Stored data entries:

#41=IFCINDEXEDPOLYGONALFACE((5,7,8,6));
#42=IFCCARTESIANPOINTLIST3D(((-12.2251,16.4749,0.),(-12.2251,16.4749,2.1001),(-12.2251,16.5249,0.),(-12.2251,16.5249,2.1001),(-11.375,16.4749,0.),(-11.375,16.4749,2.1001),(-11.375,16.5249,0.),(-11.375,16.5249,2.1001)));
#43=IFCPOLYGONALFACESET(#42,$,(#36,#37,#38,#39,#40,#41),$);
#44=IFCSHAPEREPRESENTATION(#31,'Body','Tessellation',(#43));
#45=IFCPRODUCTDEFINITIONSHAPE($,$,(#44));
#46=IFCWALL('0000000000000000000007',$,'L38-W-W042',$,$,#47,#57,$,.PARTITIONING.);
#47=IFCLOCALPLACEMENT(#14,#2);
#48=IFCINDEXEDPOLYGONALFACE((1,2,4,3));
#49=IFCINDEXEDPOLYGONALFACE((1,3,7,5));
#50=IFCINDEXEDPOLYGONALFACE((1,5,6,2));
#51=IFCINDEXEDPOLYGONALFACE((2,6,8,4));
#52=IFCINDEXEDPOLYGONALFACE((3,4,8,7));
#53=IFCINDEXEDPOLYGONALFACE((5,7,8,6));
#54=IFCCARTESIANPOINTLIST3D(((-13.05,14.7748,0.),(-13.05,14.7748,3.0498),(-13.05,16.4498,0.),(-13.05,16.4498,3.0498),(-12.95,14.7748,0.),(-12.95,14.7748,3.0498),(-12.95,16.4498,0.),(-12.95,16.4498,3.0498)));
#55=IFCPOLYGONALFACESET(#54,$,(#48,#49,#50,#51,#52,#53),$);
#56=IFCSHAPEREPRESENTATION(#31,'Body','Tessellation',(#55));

==

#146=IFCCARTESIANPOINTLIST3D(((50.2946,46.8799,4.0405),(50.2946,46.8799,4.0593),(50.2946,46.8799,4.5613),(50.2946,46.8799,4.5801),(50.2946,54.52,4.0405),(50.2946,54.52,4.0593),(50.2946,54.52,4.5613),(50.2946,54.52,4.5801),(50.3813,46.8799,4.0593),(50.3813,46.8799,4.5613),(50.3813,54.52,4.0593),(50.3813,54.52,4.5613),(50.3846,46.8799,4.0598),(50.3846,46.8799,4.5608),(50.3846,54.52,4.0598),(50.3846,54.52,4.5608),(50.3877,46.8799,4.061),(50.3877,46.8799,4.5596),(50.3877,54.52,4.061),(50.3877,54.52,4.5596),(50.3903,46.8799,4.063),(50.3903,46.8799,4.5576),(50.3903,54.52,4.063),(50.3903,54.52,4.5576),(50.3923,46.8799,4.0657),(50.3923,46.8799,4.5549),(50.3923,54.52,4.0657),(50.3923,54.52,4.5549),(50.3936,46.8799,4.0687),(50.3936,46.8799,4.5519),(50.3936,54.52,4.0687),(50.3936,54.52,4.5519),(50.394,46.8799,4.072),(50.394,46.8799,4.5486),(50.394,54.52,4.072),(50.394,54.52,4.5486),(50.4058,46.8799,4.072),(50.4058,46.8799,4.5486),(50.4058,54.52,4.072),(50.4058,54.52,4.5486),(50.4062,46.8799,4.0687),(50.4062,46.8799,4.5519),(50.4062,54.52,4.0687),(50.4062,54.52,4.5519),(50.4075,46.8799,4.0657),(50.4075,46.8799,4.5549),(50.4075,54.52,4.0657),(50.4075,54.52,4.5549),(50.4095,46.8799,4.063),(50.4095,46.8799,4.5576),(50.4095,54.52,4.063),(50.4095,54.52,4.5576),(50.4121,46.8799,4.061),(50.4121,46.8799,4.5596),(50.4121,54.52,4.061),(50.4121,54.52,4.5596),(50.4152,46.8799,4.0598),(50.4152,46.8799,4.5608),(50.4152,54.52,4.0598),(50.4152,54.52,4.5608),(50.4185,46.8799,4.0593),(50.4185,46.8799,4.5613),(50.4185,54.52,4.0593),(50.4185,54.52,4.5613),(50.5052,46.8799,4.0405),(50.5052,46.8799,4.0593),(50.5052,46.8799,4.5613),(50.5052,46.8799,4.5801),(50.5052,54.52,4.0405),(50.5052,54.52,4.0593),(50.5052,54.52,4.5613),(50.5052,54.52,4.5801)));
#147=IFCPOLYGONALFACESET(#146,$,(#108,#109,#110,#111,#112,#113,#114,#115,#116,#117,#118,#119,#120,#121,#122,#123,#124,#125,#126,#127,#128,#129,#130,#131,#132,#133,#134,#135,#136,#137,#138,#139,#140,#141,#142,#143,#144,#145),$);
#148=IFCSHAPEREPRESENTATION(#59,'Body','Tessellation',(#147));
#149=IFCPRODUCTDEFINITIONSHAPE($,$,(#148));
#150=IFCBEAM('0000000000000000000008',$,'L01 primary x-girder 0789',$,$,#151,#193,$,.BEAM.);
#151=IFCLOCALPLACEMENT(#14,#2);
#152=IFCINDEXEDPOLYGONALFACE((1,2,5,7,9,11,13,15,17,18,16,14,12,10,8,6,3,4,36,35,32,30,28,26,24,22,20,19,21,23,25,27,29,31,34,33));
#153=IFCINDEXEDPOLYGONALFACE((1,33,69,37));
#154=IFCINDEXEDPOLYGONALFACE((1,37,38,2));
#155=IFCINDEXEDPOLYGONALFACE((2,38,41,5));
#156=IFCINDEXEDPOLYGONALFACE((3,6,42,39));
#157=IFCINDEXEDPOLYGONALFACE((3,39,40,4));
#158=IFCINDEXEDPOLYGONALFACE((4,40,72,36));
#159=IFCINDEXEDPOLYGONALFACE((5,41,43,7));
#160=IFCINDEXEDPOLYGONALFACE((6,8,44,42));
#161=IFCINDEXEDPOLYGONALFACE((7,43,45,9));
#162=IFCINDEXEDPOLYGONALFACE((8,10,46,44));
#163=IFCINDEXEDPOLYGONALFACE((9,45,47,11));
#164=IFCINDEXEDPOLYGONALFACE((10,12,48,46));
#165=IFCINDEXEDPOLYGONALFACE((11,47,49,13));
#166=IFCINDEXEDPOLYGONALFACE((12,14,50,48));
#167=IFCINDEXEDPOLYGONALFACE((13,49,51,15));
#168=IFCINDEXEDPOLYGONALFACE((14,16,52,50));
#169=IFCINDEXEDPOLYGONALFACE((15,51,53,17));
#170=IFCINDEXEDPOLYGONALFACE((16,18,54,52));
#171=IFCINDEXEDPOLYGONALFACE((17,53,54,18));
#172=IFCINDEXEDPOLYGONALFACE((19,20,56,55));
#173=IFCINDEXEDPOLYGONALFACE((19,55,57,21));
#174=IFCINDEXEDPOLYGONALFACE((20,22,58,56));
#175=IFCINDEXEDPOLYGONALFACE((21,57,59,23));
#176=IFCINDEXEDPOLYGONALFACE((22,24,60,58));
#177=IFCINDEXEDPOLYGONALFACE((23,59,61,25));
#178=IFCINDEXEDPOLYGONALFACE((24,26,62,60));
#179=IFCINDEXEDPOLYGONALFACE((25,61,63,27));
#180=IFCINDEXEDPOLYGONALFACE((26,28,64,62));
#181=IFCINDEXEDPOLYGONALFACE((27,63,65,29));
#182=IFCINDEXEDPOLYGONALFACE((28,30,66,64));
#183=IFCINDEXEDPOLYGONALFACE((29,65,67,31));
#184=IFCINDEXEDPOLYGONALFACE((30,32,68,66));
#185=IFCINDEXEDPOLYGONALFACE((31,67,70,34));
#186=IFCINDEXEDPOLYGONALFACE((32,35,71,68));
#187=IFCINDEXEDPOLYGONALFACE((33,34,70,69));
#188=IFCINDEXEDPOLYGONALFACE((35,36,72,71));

What is expected: For the lines above, output exactly those from the line containing "#178=IFCINDEXEDPOLYGONALFACE((24,26,62,60));" through the line containing "#188=IFCINDEXEDPOLYGONALFACE((35,36,72,71));", and skip the others.

Result for this exercise:
#178=IFCINDEXEDPOLYGONALFACE((24,26,62,60));
#179=IFCINDEXEDPOLYGONALFACE((25,61,63,27));
#180=IFCINDEXEDPOLYGONALFACE((26,28,64,62));
#181=IFCINDEXEDPOLYGONALFACE((27,63,65,29));
#182=IFCINDEXEDPOLYGONALFACE((28,30,66,64));
#183=IFCINDEXEDPOLYGONALFACE((29,65,67,31));
#184=IFCINDEXEDPOLYGONALFACE((30,32,68,66));
#185=IFCINDEXEDPOLYGONALFACE((31,67,70,34));
#186=IFCINDEXEDPOLYGONALFACE((32,35,71,68));
#187=IFCINDEXEDPOLYGONALFACE((33,34,70,69));
#188=IFCINDEXEDPOLYGONALFACE((35,36,72,71));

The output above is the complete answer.